> _What to do_: Copy each line of the entries that includes the word "IFCMEMBERTYPE".

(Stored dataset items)
--------------------------------

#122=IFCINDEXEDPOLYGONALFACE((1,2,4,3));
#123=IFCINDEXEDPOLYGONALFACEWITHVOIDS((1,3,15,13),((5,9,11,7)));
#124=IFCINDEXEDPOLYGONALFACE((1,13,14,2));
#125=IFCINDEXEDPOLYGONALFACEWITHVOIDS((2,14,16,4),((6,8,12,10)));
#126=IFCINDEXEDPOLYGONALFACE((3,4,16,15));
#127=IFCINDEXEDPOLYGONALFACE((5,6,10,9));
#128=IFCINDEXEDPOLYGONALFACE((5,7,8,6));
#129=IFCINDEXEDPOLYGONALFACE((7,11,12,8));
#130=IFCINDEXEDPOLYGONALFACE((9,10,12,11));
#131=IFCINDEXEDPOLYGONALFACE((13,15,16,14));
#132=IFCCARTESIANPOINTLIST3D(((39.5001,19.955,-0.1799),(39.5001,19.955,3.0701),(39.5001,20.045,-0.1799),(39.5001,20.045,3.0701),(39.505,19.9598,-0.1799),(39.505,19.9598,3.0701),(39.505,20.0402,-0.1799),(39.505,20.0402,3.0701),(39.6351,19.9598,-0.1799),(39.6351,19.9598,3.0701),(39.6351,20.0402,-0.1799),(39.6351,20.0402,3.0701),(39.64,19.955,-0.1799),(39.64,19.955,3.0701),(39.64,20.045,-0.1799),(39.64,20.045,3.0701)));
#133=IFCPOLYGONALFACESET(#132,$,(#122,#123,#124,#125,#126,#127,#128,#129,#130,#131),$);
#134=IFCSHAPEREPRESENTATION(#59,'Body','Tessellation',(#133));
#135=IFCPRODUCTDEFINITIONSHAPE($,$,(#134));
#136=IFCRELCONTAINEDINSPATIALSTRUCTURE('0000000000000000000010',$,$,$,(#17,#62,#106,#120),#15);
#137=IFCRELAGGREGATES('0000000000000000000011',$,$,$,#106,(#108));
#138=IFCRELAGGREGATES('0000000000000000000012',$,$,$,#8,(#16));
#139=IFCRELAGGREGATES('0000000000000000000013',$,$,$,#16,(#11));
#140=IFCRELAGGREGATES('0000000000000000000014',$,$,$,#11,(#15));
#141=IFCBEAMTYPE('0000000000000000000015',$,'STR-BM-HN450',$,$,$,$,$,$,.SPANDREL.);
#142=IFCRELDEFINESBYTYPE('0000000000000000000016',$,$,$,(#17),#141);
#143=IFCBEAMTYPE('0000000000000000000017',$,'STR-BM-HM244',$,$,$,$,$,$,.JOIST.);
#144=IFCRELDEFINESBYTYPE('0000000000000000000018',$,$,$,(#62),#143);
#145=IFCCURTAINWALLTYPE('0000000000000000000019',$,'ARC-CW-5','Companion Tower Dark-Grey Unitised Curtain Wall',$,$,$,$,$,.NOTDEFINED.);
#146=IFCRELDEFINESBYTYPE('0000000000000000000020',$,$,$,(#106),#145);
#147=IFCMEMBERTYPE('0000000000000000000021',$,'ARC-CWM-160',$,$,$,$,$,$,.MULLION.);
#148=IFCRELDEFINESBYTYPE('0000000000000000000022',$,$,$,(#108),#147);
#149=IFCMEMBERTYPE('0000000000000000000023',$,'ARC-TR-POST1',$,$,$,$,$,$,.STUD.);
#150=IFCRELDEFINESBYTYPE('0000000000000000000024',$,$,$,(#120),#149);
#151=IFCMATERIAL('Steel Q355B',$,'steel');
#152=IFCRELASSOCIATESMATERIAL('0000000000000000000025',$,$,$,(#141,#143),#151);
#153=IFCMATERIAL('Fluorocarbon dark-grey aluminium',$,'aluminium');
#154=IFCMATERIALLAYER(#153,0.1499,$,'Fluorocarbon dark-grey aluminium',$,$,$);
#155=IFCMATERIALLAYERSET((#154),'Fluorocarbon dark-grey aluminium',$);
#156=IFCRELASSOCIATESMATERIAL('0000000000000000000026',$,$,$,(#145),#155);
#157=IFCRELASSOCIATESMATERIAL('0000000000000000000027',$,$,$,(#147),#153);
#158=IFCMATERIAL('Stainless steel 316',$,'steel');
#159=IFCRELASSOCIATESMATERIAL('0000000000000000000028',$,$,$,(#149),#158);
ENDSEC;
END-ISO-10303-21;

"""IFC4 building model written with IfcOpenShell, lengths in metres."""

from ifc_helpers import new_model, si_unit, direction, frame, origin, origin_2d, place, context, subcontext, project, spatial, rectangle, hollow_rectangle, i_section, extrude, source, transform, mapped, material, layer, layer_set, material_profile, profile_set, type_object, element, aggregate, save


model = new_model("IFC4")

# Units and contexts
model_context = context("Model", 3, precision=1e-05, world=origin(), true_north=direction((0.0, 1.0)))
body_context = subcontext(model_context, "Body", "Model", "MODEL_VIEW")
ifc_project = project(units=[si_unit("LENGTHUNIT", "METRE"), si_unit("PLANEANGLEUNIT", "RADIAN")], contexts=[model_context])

--------------------------------

> _Output for this exercise_:
#147=IFCMEMBERTYPE('0000000000000000000021',$,'ARC-CWM-160',$,$,$,$,$,$,.MULLION.);
#149=IFCMEMBERTYPE('0000000000000000000023',$,'ARC-TR-POST1',$,$,$,$,$,$,.STUD.);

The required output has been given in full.